> [Entries provided]
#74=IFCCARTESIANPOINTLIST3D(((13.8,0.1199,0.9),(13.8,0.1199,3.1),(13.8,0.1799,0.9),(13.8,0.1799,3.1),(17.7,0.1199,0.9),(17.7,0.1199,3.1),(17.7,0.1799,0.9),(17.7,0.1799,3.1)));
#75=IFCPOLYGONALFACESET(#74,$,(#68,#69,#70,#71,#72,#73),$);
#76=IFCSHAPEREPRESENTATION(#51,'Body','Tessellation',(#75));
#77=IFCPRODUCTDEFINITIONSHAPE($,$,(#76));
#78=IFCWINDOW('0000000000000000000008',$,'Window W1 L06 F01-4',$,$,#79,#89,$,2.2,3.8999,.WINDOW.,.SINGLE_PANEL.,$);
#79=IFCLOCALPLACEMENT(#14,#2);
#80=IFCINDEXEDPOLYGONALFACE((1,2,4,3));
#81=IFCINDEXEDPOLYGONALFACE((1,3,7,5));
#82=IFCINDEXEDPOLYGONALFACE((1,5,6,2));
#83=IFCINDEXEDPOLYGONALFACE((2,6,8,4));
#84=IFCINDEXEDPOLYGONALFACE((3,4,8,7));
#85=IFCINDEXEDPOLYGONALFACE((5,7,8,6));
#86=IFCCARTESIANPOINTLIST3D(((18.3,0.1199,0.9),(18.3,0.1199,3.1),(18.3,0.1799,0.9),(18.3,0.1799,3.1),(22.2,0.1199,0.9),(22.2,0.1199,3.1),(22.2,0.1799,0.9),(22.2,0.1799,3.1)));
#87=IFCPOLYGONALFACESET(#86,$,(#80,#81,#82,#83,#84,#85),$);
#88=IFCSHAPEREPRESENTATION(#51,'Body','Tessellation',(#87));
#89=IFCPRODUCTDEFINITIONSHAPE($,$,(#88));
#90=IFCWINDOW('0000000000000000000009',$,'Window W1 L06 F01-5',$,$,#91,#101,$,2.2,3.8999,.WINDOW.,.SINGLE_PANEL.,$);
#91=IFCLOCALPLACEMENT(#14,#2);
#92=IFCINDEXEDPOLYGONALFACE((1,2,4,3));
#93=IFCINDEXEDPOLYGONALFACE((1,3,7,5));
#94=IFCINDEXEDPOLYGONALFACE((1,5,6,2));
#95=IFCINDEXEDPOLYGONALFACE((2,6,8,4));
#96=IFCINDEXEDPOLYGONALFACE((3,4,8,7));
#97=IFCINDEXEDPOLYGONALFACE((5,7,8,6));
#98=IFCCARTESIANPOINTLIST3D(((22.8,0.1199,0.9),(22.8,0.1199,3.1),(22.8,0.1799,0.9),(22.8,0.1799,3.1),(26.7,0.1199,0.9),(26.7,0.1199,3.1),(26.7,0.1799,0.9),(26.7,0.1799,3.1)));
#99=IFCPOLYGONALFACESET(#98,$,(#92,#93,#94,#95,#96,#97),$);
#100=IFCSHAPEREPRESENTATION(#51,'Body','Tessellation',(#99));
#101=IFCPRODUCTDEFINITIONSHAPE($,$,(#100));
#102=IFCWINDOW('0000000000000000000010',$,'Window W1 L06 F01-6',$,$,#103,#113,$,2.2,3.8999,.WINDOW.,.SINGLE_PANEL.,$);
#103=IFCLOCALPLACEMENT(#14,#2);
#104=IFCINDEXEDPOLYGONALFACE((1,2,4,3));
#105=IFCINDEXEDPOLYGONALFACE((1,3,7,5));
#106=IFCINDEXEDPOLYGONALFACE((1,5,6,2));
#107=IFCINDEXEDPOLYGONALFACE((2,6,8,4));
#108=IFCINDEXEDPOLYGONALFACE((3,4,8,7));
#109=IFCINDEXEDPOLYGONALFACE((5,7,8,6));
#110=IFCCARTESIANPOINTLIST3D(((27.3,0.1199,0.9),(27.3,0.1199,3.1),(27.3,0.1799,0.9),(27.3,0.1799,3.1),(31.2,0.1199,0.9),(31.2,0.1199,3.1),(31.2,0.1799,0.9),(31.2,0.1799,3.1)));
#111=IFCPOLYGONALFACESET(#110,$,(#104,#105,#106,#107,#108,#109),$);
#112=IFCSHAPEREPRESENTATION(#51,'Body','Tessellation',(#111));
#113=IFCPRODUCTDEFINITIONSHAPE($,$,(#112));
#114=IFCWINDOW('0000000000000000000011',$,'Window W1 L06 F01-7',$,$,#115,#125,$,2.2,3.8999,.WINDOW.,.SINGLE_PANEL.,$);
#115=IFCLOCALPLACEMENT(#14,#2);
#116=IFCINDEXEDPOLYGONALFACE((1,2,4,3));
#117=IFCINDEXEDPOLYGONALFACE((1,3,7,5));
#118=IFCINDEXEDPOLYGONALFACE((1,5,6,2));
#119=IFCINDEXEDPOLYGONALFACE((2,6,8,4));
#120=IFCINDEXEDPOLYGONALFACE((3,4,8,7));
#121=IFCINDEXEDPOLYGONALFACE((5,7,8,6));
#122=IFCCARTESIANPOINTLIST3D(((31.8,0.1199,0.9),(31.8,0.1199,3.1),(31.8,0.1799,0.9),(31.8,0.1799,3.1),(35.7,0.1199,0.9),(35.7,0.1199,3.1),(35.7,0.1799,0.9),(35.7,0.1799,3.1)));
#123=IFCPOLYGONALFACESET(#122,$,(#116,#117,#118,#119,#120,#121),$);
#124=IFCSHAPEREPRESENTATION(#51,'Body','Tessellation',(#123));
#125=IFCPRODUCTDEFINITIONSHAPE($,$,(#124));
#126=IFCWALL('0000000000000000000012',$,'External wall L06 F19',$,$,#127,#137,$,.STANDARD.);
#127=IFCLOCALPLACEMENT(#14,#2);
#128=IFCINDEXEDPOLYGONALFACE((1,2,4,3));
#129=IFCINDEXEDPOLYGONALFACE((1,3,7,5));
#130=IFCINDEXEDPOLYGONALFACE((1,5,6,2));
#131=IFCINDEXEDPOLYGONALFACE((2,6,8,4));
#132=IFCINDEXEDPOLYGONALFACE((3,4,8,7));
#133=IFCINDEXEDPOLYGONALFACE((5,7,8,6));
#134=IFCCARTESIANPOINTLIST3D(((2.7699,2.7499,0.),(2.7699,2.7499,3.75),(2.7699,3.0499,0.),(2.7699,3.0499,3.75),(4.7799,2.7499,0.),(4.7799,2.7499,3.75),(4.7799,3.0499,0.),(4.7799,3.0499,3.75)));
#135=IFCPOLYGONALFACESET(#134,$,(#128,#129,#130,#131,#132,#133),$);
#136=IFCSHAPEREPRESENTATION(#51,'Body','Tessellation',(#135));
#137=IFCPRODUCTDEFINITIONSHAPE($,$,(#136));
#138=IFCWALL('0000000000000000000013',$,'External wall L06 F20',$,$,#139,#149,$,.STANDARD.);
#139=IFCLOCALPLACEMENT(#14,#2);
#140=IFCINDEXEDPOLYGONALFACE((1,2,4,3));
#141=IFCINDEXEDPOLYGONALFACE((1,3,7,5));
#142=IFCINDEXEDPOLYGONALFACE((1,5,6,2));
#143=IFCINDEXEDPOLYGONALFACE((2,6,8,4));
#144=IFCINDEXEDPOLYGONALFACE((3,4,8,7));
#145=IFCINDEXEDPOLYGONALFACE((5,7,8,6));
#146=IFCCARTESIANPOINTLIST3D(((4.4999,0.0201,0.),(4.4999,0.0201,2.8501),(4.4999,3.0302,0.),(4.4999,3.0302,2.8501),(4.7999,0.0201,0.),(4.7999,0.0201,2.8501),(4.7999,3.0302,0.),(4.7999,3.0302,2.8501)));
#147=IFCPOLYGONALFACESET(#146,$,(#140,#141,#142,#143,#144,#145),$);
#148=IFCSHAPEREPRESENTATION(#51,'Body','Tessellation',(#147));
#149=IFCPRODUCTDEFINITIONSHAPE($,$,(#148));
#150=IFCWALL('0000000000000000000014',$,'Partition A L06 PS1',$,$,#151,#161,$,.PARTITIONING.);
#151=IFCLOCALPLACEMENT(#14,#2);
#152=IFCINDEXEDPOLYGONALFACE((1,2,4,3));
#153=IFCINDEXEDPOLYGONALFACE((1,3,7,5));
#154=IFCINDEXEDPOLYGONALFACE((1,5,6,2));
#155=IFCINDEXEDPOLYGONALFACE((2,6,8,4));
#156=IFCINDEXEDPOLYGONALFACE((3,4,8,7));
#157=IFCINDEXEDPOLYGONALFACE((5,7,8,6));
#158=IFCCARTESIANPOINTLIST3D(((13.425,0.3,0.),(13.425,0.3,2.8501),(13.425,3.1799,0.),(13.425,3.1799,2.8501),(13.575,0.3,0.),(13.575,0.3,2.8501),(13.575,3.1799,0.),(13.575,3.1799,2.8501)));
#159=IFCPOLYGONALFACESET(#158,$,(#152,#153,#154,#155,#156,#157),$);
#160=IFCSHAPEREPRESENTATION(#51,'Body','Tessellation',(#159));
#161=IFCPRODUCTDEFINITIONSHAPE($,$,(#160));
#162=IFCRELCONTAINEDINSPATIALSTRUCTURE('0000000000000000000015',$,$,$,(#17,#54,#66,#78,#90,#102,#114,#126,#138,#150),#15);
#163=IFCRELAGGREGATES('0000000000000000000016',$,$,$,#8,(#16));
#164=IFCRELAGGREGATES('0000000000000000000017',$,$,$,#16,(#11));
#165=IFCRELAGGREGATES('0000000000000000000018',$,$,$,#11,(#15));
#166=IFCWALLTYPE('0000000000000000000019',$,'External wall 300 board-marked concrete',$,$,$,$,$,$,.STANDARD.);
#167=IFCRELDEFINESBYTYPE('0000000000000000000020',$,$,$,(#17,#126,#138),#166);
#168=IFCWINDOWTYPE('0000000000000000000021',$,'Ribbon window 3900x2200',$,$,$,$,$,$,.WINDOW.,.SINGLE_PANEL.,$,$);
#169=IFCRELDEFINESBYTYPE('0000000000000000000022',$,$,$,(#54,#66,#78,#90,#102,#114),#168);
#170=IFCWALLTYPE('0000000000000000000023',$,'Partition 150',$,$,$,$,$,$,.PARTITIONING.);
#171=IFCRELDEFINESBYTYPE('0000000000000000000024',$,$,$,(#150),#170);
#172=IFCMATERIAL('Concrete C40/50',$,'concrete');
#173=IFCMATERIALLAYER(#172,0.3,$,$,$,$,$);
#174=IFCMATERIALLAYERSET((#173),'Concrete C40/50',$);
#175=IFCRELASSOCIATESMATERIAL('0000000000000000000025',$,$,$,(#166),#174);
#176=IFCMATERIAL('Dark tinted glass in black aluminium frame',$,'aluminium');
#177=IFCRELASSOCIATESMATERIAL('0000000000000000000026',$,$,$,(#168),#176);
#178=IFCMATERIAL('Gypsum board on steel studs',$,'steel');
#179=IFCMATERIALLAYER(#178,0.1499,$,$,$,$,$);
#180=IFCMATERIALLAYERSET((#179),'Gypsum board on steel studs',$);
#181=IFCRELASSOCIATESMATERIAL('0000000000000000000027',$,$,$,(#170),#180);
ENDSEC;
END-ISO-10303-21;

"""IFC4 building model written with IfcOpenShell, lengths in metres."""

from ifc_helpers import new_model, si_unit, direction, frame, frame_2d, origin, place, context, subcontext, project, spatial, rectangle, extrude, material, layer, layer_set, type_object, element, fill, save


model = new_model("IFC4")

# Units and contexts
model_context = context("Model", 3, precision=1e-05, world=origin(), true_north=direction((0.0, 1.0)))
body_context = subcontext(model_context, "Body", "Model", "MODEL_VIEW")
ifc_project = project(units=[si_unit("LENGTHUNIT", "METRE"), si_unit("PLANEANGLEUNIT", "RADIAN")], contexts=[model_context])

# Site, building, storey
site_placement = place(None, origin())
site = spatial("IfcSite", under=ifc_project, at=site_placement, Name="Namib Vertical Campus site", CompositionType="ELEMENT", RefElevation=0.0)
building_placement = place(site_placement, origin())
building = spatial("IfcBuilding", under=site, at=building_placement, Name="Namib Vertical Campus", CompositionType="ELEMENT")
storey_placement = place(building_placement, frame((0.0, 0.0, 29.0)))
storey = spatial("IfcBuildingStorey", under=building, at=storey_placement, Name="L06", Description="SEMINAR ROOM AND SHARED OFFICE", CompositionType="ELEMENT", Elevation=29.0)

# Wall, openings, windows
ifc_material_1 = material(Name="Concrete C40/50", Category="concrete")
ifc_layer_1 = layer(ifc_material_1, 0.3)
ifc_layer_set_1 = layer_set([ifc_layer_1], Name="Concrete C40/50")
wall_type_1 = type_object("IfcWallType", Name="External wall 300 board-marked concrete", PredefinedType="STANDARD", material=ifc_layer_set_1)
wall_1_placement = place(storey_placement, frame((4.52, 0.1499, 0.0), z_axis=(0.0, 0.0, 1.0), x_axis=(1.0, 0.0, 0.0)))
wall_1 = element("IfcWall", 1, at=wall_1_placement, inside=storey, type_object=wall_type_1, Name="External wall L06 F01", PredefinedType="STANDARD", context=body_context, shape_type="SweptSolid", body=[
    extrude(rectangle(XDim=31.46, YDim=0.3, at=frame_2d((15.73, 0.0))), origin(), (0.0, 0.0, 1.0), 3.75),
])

> [Assignment]
Write down exactly every line of the material above up to and including the line containing "#77=IFCPRODUCTDEFINITIONSHAPE($,$,(#76));".

> [Solution for this task]
#74=IFCCARTESIANPOINTLIST3D(((13.8,0.1199,0.9),(13.8,0.1199,3.1),(13.8,0.1799,0.9),(13.8,0.1799,3.1),(17.7,0.1199,0.9),(17.7,0.1199,3.1),(17.7,0.1799,0.9),(17.7,0.1799,3.1)));
#75=IFCPOLYGONALFACESET(#74,$,(#68,#69,#70,#71,#72,#73),$);
#76=IFCSHAPEREPRESENTATION(#51,'Body','Tessellation',(#75));
#77=IFCPRODUCTDEFINITIONSHAPE($,$,(#76));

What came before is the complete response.